Source records Start Marker
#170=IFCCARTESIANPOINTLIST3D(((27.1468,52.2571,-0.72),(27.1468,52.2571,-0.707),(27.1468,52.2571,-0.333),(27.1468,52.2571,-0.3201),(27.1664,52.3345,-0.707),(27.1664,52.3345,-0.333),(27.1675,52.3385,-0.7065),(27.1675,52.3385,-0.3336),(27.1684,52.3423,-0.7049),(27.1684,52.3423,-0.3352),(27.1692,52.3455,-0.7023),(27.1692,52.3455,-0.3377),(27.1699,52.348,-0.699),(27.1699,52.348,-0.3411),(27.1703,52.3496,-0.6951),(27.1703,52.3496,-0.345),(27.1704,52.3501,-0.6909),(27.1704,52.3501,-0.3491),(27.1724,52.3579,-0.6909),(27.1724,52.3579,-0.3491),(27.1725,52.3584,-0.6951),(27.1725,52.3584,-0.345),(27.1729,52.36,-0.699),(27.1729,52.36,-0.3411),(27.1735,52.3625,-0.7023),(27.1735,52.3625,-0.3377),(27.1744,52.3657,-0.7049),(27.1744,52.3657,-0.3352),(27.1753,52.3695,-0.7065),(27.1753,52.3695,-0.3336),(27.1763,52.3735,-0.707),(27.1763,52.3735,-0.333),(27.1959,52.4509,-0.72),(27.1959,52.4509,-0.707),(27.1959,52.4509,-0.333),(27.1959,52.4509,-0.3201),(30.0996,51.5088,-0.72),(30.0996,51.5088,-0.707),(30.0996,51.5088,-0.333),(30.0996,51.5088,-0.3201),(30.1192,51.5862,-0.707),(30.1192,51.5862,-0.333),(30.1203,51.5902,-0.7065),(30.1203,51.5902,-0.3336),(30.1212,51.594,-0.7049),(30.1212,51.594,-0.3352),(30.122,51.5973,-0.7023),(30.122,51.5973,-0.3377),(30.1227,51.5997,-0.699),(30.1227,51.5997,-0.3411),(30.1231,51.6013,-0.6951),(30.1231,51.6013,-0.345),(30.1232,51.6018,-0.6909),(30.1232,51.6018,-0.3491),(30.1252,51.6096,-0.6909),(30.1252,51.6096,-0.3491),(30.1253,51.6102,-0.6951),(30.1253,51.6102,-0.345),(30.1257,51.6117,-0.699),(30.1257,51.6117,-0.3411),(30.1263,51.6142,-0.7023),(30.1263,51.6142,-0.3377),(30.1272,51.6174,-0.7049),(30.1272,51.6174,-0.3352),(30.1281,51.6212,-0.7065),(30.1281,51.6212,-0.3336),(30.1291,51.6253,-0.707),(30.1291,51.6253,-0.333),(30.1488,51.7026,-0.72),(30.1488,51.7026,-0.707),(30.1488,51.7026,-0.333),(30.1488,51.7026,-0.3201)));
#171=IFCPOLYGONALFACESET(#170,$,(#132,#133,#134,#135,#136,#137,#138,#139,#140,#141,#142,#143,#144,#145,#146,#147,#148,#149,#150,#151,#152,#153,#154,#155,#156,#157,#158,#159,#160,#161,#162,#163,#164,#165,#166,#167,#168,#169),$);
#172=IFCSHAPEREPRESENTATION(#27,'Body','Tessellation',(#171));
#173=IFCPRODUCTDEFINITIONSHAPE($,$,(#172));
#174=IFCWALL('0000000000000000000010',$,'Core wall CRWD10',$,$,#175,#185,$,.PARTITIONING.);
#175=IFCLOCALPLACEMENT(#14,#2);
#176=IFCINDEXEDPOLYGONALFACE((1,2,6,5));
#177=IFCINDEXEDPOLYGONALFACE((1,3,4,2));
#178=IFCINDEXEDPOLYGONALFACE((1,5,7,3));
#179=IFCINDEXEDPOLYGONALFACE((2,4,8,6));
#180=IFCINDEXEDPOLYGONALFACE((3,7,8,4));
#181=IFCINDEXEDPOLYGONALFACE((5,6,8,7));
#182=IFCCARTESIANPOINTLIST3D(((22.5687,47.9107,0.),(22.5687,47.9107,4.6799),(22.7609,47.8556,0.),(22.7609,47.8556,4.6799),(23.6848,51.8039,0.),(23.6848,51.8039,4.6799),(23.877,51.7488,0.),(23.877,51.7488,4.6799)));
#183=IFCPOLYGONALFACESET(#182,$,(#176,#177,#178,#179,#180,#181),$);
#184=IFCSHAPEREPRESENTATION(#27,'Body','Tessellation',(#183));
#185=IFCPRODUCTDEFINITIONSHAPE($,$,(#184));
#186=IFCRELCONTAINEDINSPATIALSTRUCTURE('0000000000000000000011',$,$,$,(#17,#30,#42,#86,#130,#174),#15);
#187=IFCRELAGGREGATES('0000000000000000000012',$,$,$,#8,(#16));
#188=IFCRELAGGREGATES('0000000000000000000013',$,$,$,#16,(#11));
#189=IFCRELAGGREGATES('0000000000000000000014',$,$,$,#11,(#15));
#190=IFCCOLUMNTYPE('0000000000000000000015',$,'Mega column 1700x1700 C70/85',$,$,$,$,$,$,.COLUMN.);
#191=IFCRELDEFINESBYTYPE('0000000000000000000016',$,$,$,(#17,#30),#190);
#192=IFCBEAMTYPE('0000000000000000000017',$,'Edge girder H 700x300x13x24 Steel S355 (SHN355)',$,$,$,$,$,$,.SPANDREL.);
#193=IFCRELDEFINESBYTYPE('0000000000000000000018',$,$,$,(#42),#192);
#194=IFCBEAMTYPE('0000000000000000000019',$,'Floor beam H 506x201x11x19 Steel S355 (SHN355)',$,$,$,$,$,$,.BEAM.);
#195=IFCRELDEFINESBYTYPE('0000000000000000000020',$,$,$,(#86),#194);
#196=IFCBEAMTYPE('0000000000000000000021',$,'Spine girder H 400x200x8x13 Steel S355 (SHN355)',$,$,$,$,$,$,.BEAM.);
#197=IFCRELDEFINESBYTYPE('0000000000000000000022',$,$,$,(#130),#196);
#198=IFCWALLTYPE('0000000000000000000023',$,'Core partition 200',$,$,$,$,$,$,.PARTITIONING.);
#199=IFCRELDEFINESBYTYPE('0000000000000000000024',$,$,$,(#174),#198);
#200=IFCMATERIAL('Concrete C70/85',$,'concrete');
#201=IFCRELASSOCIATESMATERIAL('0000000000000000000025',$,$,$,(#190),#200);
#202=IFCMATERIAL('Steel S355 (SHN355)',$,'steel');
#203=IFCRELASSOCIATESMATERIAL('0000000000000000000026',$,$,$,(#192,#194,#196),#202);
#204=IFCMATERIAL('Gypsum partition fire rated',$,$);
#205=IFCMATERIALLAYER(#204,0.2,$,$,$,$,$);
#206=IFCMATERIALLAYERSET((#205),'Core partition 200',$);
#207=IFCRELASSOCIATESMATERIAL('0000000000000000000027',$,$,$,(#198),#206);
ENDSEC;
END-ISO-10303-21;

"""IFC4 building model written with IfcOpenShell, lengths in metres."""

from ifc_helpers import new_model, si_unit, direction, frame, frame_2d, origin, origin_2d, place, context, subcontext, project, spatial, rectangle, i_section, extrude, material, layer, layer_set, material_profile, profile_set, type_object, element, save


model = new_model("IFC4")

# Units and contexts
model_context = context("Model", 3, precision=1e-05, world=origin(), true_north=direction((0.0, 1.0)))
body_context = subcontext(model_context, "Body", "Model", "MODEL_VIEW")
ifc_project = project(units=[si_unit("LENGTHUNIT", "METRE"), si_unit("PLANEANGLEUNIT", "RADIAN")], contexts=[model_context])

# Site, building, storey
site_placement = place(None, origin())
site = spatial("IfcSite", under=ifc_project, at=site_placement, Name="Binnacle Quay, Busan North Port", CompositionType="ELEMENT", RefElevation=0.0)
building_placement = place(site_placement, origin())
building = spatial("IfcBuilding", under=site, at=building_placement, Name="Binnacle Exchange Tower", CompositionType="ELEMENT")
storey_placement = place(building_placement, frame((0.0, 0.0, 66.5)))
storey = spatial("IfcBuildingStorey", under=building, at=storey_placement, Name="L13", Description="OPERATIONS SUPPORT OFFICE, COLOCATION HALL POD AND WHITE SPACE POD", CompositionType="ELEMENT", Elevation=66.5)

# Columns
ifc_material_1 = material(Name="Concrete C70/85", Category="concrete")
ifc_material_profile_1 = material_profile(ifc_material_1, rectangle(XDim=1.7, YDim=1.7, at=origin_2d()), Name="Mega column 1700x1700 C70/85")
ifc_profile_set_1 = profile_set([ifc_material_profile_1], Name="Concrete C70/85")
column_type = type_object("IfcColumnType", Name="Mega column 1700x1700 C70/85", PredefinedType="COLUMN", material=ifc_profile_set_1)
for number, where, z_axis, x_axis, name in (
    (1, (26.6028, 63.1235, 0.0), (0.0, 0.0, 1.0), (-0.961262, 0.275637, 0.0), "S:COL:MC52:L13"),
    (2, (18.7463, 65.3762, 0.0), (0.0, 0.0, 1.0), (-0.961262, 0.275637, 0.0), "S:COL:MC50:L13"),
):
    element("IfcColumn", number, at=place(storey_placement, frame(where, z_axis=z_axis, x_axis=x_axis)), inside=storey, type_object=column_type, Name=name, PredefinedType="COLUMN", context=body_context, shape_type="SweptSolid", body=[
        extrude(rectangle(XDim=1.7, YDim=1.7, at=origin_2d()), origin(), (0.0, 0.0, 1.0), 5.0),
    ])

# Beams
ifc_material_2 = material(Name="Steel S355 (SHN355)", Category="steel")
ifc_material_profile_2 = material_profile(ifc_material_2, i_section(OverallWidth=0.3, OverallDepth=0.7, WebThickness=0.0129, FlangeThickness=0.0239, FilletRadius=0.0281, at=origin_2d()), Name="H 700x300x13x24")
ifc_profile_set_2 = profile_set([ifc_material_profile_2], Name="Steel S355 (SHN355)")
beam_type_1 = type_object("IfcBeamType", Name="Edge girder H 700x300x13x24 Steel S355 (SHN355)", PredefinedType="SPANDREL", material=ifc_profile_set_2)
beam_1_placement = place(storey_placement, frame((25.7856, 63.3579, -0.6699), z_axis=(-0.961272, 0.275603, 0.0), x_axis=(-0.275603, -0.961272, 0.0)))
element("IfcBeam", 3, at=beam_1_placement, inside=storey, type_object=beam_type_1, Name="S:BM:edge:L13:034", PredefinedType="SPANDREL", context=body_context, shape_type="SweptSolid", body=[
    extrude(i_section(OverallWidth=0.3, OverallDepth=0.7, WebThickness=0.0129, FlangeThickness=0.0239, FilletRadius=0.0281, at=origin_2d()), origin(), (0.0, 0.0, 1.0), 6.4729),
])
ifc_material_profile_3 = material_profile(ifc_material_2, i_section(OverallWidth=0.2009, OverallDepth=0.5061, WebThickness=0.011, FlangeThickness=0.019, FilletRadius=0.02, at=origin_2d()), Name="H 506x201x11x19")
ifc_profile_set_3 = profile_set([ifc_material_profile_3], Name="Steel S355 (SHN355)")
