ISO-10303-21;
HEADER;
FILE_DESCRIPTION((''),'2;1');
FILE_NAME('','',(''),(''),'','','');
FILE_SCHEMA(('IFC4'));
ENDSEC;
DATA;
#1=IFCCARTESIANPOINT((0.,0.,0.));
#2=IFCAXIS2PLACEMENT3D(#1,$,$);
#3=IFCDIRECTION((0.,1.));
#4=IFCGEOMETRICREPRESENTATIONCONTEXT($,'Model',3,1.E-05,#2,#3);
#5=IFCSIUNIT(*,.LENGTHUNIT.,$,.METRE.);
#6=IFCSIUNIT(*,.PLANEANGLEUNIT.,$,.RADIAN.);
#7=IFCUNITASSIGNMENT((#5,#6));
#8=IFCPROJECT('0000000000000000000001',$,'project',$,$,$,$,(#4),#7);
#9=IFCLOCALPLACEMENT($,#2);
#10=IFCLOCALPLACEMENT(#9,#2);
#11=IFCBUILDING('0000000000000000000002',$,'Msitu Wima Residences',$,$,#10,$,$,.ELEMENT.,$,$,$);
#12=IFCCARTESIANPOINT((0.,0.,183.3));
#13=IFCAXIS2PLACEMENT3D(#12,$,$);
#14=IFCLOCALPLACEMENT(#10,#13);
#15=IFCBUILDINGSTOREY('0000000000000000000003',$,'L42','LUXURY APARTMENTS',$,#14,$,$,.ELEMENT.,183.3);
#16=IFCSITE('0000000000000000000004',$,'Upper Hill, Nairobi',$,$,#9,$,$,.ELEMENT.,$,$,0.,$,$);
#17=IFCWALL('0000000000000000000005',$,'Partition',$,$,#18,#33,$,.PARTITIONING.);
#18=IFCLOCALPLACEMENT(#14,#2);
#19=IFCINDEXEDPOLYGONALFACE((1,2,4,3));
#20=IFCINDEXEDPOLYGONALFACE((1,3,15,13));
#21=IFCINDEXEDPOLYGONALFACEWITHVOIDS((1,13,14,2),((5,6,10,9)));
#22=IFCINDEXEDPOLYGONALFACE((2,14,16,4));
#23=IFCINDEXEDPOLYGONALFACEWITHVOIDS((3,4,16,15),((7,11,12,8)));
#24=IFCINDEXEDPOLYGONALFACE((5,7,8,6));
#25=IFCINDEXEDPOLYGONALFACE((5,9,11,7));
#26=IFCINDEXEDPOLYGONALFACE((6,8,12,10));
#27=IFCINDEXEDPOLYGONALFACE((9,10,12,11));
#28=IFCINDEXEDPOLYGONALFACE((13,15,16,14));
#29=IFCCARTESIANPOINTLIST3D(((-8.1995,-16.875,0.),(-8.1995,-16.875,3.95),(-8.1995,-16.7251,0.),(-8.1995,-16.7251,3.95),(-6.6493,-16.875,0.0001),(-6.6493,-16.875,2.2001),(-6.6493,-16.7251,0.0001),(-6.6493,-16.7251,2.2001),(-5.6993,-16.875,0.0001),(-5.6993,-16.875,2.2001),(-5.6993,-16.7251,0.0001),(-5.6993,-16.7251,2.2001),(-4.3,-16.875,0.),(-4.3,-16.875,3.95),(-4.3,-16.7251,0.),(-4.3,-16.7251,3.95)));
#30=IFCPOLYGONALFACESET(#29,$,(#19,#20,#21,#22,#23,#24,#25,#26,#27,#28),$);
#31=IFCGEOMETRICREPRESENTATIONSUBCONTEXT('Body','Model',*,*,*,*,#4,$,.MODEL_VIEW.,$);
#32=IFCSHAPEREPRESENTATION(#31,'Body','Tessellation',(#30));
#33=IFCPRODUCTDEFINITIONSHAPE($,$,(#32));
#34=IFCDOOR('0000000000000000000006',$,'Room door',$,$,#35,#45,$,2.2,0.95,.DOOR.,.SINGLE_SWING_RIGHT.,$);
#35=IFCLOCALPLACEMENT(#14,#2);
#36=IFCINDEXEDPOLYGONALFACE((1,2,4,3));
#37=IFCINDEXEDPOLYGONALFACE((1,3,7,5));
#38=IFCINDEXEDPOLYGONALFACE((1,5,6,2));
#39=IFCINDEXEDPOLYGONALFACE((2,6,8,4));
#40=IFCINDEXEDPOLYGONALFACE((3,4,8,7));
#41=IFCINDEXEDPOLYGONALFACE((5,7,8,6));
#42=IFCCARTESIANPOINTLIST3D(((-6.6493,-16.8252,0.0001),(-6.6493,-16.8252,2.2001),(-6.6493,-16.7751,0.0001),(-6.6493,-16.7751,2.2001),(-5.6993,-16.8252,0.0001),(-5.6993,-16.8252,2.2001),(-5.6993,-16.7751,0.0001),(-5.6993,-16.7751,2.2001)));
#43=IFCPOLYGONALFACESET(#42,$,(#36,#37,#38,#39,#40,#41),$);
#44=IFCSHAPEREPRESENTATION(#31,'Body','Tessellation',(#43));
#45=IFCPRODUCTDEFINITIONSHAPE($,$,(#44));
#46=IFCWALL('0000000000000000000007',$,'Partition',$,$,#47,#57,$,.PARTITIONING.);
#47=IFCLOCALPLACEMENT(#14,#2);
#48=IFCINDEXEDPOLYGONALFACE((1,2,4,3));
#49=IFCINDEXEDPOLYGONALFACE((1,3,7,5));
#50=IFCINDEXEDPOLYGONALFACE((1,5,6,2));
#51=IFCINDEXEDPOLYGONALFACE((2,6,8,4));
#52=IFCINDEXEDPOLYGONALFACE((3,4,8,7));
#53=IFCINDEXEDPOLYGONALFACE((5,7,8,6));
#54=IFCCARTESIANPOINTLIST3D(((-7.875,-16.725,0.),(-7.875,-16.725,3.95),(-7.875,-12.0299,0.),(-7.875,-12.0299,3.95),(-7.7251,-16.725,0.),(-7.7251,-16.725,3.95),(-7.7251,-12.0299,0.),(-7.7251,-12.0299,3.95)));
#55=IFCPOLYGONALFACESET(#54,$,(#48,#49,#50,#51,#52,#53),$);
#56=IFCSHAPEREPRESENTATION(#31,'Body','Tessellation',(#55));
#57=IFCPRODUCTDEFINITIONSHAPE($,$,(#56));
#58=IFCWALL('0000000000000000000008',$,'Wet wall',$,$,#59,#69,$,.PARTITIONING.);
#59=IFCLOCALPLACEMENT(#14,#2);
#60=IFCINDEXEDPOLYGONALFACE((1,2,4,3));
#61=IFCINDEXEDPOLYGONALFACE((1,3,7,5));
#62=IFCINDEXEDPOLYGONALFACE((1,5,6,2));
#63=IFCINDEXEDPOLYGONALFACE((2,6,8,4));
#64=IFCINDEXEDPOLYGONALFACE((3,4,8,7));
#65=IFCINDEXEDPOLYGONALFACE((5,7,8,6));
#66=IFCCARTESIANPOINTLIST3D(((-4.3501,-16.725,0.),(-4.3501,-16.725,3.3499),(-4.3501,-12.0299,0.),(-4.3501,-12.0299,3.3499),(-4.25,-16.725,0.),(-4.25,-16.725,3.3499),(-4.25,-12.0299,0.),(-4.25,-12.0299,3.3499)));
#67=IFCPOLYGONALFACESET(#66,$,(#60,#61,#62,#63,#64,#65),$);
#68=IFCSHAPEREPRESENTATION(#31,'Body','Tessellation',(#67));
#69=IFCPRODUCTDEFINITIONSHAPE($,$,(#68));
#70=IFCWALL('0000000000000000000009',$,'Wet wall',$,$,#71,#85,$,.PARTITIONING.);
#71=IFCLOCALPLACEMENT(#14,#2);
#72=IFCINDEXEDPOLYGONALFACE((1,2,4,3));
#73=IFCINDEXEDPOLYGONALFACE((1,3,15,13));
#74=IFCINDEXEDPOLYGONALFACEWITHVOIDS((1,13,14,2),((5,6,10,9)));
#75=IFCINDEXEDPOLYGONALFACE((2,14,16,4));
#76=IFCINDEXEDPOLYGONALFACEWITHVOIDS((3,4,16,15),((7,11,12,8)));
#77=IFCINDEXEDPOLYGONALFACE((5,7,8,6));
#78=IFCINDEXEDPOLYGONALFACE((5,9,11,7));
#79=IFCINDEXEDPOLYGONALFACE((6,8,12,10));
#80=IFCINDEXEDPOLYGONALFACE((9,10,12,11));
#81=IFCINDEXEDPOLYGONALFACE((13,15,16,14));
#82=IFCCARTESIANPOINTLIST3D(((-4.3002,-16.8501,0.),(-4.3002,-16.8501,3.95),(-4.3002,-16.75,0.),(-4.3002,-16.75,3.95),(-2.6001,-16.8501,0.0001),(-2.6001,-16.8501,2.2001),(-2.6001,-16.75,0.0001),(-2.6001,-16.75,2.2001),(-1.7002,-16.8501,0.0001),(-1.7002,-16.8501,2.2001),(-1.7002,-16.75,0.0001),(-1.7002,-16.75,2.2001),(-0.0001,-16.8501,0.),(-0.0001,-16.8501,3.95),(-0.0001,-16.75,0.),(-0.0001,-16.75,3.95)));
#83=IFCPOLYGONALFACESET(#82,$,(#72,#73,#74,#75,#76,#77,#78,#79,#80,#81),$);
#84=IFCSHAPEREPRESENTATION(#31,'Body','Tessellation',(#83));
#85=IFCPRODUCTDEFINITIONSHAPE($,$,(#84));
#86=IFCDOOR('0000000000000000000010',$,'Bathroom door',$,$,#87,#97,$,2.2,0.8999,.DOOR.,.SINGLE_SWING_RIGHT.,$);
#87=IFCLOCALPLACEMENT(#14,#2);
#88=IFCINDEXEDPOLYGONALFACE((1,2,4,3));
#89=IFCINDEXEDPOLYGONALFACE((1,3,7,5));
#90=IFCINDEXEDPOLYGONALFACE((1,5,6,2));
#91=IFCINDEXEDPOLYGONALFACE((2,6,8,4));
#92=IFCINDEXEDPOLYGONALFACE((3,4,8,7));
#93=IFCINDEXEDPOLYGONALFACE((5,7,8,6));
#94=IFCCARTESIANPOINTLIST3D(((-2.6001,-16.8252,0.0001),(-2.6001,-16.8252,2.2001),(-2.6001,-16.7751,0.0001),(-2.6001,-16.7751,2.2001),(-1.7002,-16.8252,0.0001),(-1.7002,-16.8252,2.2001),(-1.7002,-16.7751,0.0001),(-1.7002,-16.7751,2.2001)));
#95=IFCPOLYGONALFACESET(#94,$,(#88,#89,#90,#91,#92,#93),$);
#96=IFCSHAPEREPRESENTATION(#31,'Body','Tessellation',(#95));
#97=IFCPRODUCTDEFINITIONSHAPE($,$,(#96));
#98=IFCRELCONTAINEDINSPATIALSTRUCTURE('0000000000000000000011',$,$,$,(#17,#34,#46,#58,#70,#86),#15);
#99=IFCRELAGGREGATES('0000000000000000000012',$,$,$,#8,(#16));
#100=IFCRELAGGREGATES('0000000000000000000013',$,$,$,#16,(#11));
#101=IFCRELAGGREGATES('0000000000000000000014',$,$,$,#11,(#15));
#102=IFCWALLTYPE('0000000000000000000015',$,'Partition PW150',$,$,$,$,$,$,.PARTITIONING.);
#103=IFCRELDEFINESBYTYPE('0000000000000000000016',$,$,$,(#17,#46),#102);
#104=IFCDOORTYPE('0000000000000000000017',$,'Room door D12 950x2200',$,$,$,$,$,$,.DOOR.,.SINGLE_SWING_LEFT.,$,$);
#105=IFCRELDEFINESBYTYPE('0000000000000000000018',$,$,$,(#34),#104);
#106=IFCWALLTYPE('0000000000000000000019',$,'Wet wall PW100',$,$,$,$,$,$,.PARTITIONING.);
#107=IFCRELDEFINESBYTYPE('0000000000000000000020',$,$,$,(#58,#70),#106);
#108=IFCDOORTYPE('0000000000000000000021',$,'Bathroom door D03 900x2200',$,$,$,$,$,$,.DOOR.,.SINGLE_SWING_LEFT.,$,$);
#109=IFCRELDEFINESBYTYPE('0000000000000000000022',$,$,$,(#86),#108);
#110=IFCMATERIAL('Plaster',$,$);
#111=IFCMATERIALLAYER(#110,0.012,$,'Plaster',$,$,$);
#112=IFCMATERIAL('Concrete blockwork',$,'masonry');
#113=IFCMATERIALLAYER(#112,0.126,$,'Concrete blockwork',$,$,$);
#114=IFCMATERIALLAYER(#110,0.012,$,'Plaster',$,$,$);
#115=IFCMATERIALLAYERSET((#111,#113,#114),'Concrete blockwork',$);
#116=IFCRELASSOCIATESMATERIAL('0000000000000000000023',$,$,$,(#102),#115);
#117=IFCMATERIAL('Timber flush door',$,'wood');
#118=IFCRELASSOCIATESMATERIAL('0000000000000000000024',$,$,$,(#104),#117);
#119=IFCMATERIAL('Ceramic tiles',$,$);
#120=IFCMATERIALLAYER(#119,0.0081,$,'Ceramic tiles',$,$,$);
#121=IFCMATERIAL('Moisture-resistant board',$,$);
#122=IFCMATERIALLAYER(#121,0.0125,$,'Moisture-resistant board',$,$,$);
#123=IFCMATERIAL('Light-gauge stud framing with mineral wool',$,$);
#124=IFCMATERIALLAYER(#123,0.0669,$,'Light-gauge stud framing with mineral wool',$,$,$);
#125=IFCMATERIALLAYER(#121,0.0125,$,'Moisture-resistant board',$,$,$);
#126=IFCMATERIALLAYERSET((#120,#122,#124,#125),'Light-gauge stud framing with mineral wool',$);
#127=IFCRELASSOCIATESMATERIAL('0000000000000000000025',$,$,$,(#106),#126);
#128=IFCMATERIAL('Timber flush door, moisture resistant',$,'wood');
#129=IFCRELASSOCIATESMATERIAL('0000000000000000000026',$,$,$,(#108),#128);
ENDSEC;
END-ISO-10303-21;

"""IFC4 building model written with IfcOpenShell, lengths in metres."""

from ifc_helpers import new_model, si_unit, direction, frame, frame_2d, origin, place, context, subcontext, project, spatial, rectangle, extrude, material, layer, layer_set, type_object, element, fill, save


model = new_model("IFC4")

# Units and contexts
model_context = context("Model", 3, precision=1e-05, world=origin(), true_north=direction((0.0, 1.0)))
body_context = subcontext(model_context, "Body", "Model", "MODEL_VIEW")
ifc_project = project(units=[si_unit("LENGTHUNIT", "METRE"), si_unit("PLANEANGLEUNIT", "RADIAN")], contexts=[model_context])

# Site, building, storey
site_placement = place(None, origin())
site = spatial("IfcSite", under=ifc_project, at=site_placement, Name="Upper Hill, Nairobi", CompositionType="ELEMENT", RefElevation=0.0)
building_placement = place(site_placement, origin())
building = spatial("IfcBuilding", under=site, at=building_placement, Name="Msitu Wima Residences", CompositionType="ELEMENT")
storey_placement = place(building_placement, frame((0.0, 0.0, 183.3)))
storey = spatial("IfcBuildingStorey", under=building, at=storey_placement, Name="L42", Description="LUXURY APARTMENTS", CompositionType="ELEMENT", Elevation=183.3)

# Shared definitions
ifc_material_1 = material(Name="Plaster")
ifc_layer_1 = layer(ifc_material_1, 0.012, Name="Plaster")
ifc_material_2 = material(Name="Concrete blockwork", Category="masonry")
ifc_layer_2 = layer(ifc_material_2, 0.126, Name="Concrete blockwork")
ifc_layer_3 = layer(ifc_material_1, 0.012, Name="Plaster")
ifc_layer_set_1 = layer_set([ifc_layer_1, ifc_layer_2, ifc_layer_3], Name="Concrete blockwork")
wall_type_1 = type_object("IfcWallType", Name="Partition PW150", PredefinedType="PARTITIONING", material=ifc_layer_set_1)

# Wall, opening, door
ifc_material_3 = material(Name="Timber flush door", Category="wood")
door_type_1 = type_object("IfcDoorType", Name="Room door D12 950x2200", OperationType="SINGLE_SWING_LEFT", PredefinedType="DOOR", material=ifc_material_3)
wall_1_placement = place(storey_placement, frame((-8.1995, -16.8, 0.0), z_axis=(0.0, 0.0, 1.0), x_axis=(1.0, 0.0, 0.0)))
wall_1 = element("IfcWall", 1, at=wall_1_placement, inside=storey, type_object=wall_type_1, Name="Partition", PredefinedType="PARTITIONING", context=body_context, shape_type="SweptSolid", body=[
    extrude(rectangle(XDim=3.8994, YDim=0.1499, at=frame_2d((1.9497, 0.0))), origin(), (0.0, 0.0, 1.0), 3.95),
])
opening_1_placement = place(wall_1_placement, frame((1.55, 0.0, 0.0)))
opening_1 = element("IfcOpeningElement", 2, at=opening_1_placement, cuts=wall_1, PredefinedType="OPENING", context=body_context, shape_type="SweptSolid", body=[
    extrude(rectangle(XDim=0.95, YDim=2.2, at=frame_2d((0.4751, 1.1001))), frame((0.0, 0.085, 0.0), z_axis=(0.0, -1.0, 0.0), x_axis=(1.0, 0.0, 0.0)), (0.0, 0.0, 1.0), 0.1699),
])
door_1_placement = place(opening_1_placement, origin())
door_1 = element("IfcDoor", 3, at=door_1_placement, inside=storey, type_object=door_type_1, Name="Room door", OperationType="SINGLE_SWING_RIGHT", OverallHeight=2.2, OverallWidth=0.95, PredefinedType="DOOR", context=body_context, shape_type="SweptSolid", body=[
    extrude(rectangle(XDim=0.95, YDim=2.2, at=frame_2d((0.4751, 1.1001))), frame((0.0, 0.0249, 0.0), z_axis=(0.0, -1.0, 0.0), x_axis=(1.0, 0.0, 0.0)), (0.0, 0.0, 1.0), 0.05),
])
fill(opening_1, door_1)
Source records End Marker
# Task instructions
Find every line above that includes the word "IFCPRODUCTDEFINITIONSHAPE", then state how many there are and nothing more.

# Solution
8